• What the exercise asks: Tell me how many lines of the entries below include the string "SUNSHADE", and give only the number.
BEGIN Exercise data
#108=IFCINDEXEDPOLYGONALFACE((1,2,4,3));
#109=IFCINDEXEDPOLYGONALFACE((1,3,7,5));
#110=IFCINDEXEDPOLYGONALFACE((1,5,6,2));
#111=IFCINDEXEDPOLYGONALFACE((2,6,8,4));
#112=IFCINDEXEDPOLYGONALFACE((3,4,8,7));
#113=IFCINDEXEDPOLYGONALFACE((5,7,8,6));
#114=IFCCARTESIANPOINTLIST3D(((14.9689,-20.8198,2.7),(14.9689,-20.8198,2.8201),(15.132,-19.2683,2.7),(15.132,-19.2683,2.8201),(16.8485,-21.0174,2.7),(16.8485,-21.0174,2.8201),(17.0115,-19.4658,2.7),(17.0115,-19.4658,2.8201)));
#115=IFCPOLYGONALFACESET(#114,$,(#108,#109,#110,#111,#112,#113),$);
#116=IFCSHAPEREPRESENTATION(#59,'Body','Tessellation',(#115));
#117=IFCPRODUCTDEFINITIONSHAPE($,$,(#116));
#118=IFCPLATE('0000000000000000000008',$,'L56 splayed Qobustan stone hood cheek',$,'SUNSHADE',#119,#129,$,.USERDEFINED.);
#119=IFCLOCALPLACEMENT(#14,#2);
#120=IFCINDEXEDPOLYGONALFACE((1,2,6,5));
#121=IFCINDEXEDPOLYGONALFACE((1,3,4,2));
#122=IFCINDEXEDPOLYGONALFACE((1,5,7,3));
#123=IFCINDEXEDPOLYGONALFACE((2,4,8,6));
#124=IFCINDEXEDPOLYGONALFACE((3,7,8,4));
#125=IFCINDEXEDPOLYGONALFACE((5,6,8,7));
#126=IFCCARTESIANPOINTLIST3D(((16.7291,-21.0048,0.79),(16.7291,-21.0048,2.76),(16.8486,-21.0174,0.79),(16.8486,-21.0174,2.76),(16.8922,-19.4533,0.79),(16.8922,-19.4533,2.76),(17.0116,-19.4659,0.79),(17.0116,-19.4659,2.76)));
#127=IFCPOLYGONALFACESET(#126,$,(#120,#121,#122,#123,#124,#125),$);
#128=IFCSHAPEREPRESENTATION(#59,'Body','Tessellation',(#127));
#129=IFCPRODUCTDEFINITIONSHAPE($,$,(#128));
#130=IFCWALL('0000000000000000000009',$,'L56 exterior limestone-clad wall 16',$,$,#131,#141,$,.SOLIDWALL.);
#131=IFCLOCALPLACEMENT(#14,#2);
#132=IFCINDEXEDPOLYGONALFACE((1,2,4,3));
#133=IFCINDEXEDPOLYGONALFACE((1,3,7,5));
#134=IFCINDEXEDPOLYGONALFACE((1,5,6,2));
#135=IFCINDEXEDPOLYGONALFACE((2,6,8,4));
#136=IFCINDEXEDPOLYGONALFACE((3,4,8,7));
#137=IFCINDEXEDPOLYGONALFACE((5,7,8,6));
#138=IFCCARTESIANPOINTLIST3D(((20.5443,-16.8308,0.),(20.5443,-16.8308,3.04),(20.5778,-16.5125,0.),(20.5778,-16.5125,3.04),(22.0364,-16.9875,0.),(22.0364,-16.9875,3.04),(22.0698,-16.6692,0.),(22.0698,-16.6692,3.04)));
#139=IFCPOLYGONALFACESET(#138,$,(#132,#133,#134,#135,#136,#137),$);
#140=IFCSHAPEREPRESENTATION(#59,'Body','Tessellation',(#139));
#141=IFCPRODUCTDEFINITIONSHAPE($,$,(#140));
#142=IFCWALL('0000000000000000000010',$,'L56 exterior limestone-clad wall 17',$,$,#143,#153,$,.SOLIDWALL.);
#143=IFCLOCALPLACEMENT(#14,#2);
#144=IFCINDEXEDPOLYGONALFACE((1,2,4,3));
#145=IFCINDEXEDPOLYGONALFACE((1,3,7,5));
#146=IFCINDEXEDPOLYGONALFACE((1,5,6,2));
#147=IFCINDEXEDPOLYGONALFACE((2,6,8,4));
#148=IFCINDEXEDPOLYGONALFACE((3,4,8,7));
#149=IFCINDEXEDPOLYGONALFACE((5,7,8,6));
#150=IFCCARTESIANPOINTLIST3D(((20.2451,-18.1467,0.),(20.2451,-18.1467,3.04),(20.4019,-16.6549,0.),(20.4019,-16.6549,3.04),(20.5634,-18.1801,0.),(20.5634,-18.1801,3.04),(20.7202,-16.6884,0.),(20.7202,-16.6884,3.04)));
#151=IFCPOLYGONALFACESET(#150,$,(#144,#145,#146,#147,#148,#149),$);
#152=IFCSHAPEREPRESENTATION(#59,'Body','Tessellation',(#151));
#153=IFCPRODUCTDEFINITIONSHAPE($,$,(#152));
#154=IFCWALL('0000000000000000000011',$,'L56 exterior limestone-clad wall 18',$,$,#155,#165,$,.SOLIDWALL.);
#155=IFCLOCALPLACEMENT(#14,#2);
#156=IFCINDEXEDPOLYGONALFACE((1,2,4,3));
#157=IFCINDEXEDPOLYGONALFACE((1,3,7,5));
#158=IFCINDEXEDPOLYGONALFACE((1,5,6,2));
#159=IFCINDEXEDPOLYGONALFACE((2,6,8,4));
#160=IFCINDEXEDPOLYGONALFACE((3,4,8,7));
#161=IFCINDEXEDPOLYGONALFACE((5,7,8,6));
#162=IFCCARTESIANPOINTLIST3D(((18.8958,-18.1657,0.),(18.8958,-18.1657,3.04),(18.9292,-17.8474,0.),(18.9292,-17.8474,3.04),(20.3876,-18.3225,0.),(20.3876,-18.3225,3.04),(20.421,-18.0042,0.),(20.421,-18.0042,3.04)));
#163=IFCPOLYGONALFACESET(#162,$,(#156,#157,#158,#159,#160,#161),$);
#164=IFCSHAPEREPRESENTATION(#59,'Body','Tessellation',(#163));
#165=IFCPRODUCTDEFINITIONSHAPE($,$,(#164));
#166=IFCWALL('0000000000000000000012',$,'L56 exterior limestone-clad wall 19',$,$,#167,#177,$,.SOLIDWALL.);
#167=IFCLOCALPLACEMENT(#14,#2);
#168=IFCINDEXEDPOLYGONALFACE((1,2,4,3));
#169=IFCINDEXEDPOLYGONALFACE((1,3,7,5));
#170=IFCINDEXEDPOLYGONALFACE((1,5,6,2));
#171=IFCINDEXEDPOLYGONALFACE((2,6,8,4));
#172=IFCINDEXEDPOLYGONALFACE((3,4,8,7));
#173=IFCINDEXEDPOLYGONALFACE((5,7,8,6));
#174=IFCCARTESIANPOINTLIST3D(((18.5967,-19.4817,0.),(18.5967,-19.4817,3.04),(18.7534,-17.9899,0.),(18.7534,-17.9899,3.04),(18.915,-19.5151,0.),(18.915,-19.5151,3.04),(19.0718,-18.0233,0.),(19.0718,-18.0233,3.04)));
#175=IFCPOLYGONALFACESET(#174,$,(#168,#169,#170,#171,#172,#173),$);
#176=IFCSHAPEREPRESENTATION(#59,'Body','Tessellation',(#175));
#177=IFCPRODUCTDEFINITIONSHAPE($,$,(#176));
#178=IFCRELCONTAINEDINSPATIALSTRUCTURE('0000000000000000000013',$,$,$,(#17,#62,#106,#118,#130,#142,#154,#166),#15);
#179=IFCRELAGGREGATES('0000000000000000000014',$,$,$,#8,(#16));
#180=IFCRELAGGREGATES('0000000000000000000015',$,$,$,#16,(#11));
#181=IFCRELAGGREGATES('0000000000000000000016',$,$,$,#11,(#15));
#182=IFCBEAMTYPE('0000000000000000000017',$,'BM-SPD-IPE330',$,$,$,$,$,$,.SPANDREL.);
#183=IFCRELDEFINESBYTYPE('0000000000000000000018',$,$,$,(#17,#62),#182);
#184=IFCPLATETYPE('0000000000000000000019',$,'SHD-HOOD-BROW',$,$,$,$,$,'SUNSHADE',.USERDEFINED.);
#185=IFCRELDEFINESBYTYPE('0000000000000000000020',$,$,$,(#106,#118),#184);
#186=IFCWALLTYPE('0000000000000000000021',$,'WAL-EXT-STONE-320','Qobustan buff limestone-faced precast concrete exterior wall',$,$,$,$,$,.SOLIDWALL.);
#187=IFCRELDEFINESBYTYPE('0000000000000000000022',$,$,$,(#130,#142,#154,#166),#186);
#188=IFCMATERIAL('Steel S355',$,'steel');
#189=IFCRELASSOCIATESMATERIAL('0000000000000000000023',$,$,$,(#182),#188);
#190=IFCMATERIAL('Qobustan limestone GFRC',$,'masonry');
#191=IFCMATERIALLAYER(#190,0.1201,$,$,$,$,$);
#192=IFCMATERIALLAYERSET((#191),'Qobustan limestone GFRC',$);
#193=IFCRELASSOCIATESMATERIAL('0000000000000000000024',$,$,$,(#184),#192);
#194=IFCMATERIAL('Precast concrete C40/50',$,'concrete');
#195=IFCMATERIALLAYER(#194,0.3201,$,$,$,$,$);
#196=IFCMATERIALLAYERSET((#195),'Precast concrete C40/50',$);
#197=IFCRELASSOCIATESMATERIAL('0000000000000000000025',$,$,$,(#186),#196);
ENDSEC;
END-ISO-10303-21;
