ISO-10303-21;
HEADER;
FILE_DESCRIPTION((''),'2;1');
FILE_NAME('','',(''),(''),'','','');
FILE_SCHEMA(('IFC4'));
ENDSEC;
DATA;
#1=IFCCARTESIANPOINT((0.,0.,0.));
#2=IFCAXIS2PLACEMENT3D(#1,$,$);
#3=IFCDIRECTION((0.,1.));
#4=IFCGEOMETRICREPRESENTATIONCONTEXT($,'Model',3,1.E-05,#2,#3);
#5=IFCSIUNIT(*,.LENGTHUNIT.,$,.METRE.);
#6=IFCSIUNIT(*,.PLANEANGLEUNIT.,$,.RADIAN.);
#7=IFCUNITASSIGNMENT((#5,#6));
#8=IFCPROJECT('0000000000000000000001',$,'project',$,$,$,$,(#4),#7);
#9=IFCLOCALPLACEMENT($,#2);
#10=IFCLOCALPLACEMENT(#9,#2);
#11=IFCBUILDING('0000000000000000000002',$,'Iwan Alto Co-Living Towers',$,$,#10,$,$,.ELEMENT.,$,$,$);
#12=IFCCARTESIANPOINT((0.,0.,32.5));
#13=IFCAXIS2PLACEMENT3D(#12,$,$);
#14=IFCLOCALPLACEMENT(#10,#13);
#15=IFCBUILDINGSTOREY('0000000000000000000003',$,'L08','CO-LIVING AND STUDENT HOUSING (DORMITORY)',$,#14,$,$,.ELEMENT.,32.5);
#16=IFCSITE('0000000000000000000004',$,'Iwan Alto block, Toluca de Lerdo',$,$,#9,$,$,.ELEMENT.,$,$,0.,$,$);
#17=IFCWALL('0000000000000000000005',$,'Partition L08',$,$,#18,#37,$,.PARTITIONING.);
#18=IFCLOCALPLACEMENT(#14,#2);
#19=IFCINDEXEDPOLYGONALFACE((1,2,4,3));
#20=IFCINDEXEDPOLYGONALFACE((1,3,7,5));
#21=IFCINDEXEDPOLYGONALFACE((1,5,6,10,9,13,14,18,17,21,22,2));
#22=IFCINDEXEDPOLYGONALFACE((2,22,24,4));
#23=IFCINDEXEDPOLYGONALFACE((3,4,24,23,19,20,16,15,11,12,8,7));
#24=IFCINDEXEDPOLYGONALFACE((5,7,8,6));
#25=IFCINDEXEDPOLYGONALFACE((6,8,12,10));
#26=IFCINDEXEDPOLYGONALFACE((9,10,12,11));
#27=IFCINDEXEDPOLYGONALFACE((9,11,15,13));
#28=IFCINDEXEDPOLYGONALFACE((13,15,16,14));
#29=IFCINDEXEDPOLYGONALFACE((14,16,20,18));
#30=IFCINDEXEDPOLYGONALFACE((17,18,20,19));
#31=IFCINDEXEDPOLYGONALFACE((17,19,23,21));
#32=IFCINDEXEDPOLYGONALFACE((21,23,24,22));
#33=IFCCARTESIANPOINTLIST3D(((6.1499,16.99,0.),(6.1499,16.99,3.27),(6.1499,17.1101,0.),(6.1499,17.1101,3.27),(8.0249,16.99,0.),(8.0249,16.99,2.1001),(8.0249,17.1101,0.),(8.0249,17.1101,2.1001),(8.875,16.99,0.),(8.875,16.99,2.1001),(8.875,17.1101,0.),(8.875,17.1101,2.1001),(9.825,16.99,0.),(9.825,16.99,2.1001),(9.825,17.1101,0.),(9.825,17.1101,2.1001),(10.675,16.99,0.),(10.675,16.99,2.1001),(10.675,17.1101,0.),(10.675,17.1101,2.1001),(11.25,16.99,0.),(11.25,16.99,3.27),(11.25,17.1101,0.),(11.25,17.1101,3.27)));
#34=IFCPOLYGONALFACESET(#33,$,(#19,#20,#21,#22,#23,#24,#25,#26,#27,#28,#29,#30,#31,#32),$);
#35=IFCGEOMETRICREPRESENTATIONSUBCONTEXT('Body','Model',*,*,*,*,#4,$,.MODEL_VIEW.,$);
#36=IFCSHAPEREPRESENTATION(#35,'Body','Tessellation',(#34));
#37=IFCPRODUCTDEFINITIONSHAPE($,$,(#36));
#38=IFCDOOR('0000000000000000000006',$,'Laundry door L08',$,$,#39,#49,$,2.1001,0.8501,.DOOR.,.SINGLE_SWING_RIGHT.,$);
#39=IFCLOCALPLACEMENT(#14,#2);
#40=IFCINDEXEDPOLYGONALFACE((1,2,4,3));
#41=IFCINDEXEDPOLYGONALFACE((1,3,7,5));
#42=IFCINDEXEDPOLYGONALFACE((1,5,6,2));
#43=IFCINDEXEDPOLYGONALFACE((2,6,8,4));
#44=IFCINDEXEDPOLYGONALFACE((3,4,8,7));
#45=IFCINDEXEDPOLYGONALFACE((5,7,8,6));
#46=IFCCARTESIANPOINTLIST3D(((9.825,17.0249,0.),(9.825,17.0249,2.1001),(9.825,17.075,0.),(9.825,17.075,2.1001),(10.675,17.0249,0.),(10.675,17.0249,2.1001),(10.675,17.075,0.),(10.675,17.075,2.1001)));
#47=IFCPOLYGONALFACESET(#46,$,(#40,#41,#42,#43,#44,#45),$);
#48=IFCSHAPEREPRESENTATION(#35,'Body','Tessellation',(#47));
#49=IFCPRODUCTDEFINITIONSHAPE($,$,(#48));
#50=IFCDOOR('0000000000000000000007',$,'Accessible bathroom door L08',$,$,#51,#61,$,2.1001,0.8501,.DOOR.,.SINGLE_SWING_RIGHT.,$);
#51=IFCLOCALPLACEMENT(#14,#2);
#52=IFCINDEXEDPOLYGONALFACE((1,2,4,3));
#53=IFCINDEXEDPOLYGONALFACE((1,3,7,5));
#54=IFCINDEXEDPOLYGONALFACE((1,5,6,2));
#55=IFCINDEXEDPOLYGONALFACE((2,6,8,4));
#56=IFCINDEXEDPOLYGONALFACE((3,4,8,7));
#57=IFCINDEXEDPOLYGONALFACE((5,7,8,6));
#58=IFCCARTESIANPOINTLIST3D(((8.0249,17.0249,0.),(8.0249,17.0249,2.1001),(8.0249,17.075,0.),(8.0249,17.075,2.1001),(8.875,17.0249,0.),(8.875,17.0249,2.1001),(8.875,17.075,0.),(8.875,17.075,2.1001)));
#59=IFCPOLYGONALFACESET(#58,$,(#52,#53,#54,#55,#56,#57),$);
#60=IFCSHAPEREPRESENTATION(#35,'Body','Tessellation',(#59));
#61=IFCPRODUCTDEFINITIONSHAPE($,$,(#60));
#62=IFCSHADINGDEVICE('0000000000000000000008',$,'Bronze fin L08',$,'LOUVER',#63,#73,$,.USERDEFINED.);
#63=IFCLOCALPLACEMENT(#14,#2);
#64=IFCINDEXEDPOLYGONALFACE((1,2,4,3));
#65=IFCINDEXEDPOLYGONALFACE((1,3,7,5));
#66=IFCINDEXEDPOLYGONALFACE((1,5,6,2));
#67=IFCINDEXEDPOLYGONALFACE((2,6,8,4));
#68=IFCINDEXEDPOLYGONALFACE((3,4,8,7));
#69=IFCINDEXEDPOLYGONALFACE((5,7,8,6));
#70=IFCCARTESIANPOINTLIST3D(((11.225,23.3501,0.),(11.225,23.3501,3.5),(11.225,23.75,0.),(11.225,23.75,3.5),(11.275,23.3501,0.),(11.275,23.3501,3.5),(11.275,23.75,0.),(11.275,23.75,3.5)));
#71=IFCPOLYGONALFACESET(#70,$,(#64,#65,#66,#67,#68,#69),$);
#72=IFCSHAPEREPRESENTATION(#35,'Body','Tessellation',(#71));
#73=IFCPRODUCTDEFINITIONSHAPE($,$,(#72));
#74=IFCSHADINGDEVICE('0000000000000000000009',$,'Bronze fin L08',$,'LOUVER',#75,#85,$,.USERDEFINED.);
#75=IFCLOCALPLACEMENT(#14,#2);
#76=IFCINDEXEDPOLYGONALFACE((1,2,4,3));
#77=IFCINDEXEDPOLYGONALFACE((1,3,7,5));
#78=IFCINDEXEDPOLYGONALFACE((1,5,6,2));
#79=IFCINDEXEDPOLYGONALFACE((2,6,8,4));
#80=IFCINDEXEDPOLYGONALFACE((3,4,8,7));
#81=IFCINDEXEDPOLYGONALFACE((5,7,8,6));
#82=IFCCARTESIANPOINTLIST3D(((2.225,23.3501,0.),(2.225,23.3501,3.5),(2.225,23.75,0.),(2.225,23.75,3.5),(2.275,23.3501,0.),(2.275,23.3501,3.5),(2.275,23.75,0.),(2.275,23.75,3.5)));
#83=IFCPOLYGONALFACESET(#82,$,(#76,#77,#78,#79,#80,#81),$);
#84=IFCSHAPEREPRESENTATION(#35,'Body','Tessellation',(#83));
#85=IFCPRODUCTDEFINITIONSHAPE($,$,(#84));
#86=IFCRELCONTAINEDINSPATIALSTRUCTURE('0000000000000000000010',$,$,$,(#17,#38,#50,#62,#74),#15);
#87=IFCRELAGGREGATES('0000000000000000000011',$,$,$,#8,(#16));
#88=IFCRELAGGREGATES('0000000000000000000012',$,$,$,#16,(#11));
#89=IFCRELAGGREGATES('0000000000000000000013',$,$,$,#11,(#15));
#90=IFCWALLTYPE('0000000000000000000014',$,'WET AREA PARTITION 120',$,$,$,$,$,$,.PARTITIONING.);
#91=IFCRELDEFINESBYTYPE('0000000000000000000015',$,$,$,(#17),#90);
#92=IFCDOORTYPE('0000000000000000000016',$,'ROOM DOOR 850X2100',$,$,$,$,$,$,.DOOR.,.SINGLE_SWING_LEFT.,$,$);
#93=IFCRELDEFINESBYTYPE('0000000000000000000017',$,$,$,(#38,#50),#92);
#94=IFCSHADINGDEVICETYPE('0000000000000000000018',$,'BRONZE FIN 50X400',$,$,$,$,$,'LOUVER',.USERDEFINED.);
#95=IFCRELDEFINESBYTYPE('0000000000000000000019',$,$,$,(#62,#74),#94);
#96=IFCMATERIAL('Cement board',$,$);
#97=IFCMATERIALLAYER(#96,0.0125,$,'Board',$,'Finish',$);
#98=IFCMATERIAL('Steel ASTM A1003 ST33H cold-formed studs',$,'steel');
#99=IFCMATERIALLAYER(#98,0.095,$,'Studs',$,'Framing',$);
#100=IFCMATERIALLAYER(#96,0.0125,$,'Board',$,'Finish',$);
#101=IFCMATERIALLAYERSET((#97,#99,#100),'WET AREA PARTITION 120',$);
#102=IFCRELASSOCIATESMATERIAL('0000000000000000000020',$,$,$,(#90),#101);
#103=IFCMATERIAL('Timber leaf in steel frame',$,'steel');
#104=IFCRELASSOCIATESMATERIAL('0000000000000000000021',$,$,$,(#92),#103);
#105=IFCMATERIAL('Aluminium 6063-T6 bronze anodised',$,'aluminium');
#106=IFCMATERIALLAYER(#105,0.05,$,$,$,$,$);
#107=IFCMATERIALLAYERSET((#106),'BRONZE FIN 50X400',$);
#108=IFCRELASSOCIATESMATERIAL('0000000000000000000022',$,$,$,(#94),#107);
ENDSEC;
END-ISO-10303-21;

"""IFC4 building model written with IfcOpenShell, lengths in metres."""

from ifc_helpers import new_model, si_unit, direction, frame, frame_2d, origin, origin_2d, place, context, subcontext, project, spatial, rectangle, extrude, material, layer, layer_set, type_object, element, fill, save


model = new_model("IFC4")

# Units and contexts
model_context = context("Model", 3, precision=1e-05, world=origin(), true_north=direction((0.0, 1.0)))
body_context = subcontext(model_context, "Body", "Model", "MODEL_VIEW")
ifc_project = project(units=[si_unit("LENGTHUNIT", "METRE"), si_unit("PLANEANGLEUNIT", "RADIAN")], contexts=[model_context])

# Site, building, storey
site_placement = place(None, origin())
site = spatial("IfcSite", under=ifc_project, at=site_placement, Name="Iwan Alto block, Toluca de Lerdo", CompositionType="ELEMENT", RefElevation=0.0)
building_placement = place(site_placement, origin())
building = spatial("IfcBuilding", under=site, at=building_placement, Name="Iwan Alto Co-Living Towers", CompositionType="ELEMENT")
storey_placement = place(building_placement, frame((0.0, 0.0, 32.5)))
storey = spatial("IfcBuildingStorey", under=building, at=storey_placement, Name="L08", Description="CO-LIVING AND STUDENT HOUSING (DORMITORY)", CompositionType="ELEMENT", Elevation=32.5)

# Shared definitions
ifc_material_1 = material(Name="Steel ASTM A1003 ST33H cold-formed studs", Category="steel")

# Wall, openings, doors
ifc_material_2 = material(Name="Cement board")
ifc_layer_1 = layer(ifc_material_2, 0.0125, Name="Board", Category="Finish")
ifc_layer_2 = layer(ifc_material_1, 0.095, Name="Studs", Category="Framing")
ifc_layer_3 = layer(ifc_material_2, 0.0125, Name="Board", Category="Finish")
ifc_layer_set_1 = layer_set([ifc_layer_1, ifc_layer_2, ifc_layer_3], Name="WET AREA PARTITION 120")
wall_type_1 = type_object("IfcWallType", Name="WET AREA PARTITION 120", PredefinedType="PARTITIONING", material=ifc_layer_set_1)
wall_placement = place(storey_placement, frame((6.1499, 17.05, 0.0), z_axis=(0.0, 0.0, 1.0), x_axis=(1.0, 0.0, 0.0)))
wall = element("IfcWall", 1, at=wall_placement, inside=storey, type_object=wall_type_1, Name="Partition L08", PredefinedType="PARTITIONING", context=body_context, shape_type="SweptSolid", body=[
    extrude(rectangle(XDim=5.1001, YDim=0.1201, at=frame_2d((2.55, 0.0))), origin(), (0.0, 0.0, 1.0), 3.27),
])
opening_1_placement = place(wall_placement, frame((3.675, 0.0, 0.0)))
opening_1 = element("IfcOpeningElement", 2, at=opening_1_placement, cuts=wall, PredefinedType="OPENING", context=body_context, shape_type="SweptSolid", body=[
    extrude(rectangle(XDim=0.8501, YDim=2.1001, at=frame_2d((0.425, 1.05))), frame((0.0, 0.0701, 0.0), z_axis=(0.0, -1.0, 0.0), x_axis=(1.0, 0.0, 0.0)), (0.0, 0.0, 1.0), 0.1401),
])
opening_2_placement = place(wall_placement, frame((1.875, 0.0, 0.0)))
opening_2 = element("IfcOpeningElement", 3, at=opening_2_placement, cuts=wall, PredefinedType="OPENING", context=body_context, shape_type="SweptSolid", body=[
    extrude(rectangle(XDim=0.8501, YDim=2.1001, at=frame_2d((0.425, 1.05))), frame((0.0, 0.0701, 0.0), z_axis=(0.0, -1.0, 0.0), x_axis=(1.0, 0.0, 0.0)), (0.0, 0.0, 1.0), 0.1401),
])
ifc_material_3 = material(Name="Timber leaf in steel frame", Category="steel")
door_type = type_object("IfcDoorType", Name="ROOM DOOR 850X2100", OperationType="SINGLE_SWING_LEFT", PredefinedType="DOOR", material=ifc_material_3)
door_1_placement = place(opening_1_placement, origin())
door_1 = element("IfcDoor", 4, at=door_1_placement, inside=storey, type_object=door_type, Name="Laundry door L08", OperationType="SINGLE_SWING_RIGHT", OverallHeight=2.1001, OverallWidth=0.8501, PredefinedType="DOOR", context=body_context, shape_type="SweptSolid", body=[
    extrude(rectangle(XDim=0.8501, YDim=2.1001, at=frame_2d((0.425, 1.05))), frame((0.0, 0.0249, 0.0), z_axis=(0.0, -1.0, 0.0), x_axis=(1.0, 0.0, 0.0)), (0.0, 0.0, 1.0), 0.05),
])
fill(opening_1, door_1)
door_2_placement = place(opening_2_placement, origin())
door_2 = element("IfcDoor", 5, at=door_2_placement, inside=storey, type_object=door_type, Name="Accessible bathroom door L08", OperationType="SINGLE_SWING_RIGHT", OverallHeight=2.1001, OverallWidth=0.8501, PredefinedType="DOOR", context=body_context, shape_type="SweptSolid", body=[
    extrude(rectangle(XDim=0.8501, YDim=2.1001, at=frame_2d((0.425, 1.05))), frame((0.0, 0.0249, 0.0), z_axis=(0.0, -1.0, 0.0), x_axis=(1.0, 0.0, 0.0)), (0.0, 0.0, 1.0), 0.05),
])
fill(opening_2, door_2)

# Shading devices
ifc_material_4 = material(Name="Aluminium 6063-T6 bronze anodised", Category="aluminium")
ifc_layer_4 = layer(ifc_material_4, 0.05)
ifc_layer_set_2 = layer_set([ifc_layer_4], Name="BRONZE FIN 50X400")
shading_device_type = type_object("IfcShadingDeviceType", Name="BRONZE FIN 50X400", ElementType="LOUVER", PredefinedType="USERDEFINED", material=ifc_layer_set_2)
for number, where, z_axis, x_axis, name in (
    (6, (11.25, 23.55, 0.0), (0.0, 0.0, 1.0), (-1.0, 0.0, 0.0), "Bronze fin L08"),
    (7, (2.25, 23.55, 0.0), (0.0, 0.0, 1.0), (-1.0, 0.0, 0.0), "Bronze fin L08"),
):
    element("IfcShadingDevice", number, at=place(storey_placement, frame(where, z_axis=z_axis, x_axis=x_axis)), inside=storey, type_object=shading_device_type, Name=name, ObjectType="LOUVER", PredefinedType="USERDEFINED", context=body_context, shape_type="SweptSolid", body=[
        extrude(rectangle(XDim=0.05, YDim=0.3999, at=origin_2d()), origin(), (0.0, 0.0, 1.0), 3.5),
    ])

save(model, "model.ifc")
END Exercise data
• Completed exercise: 2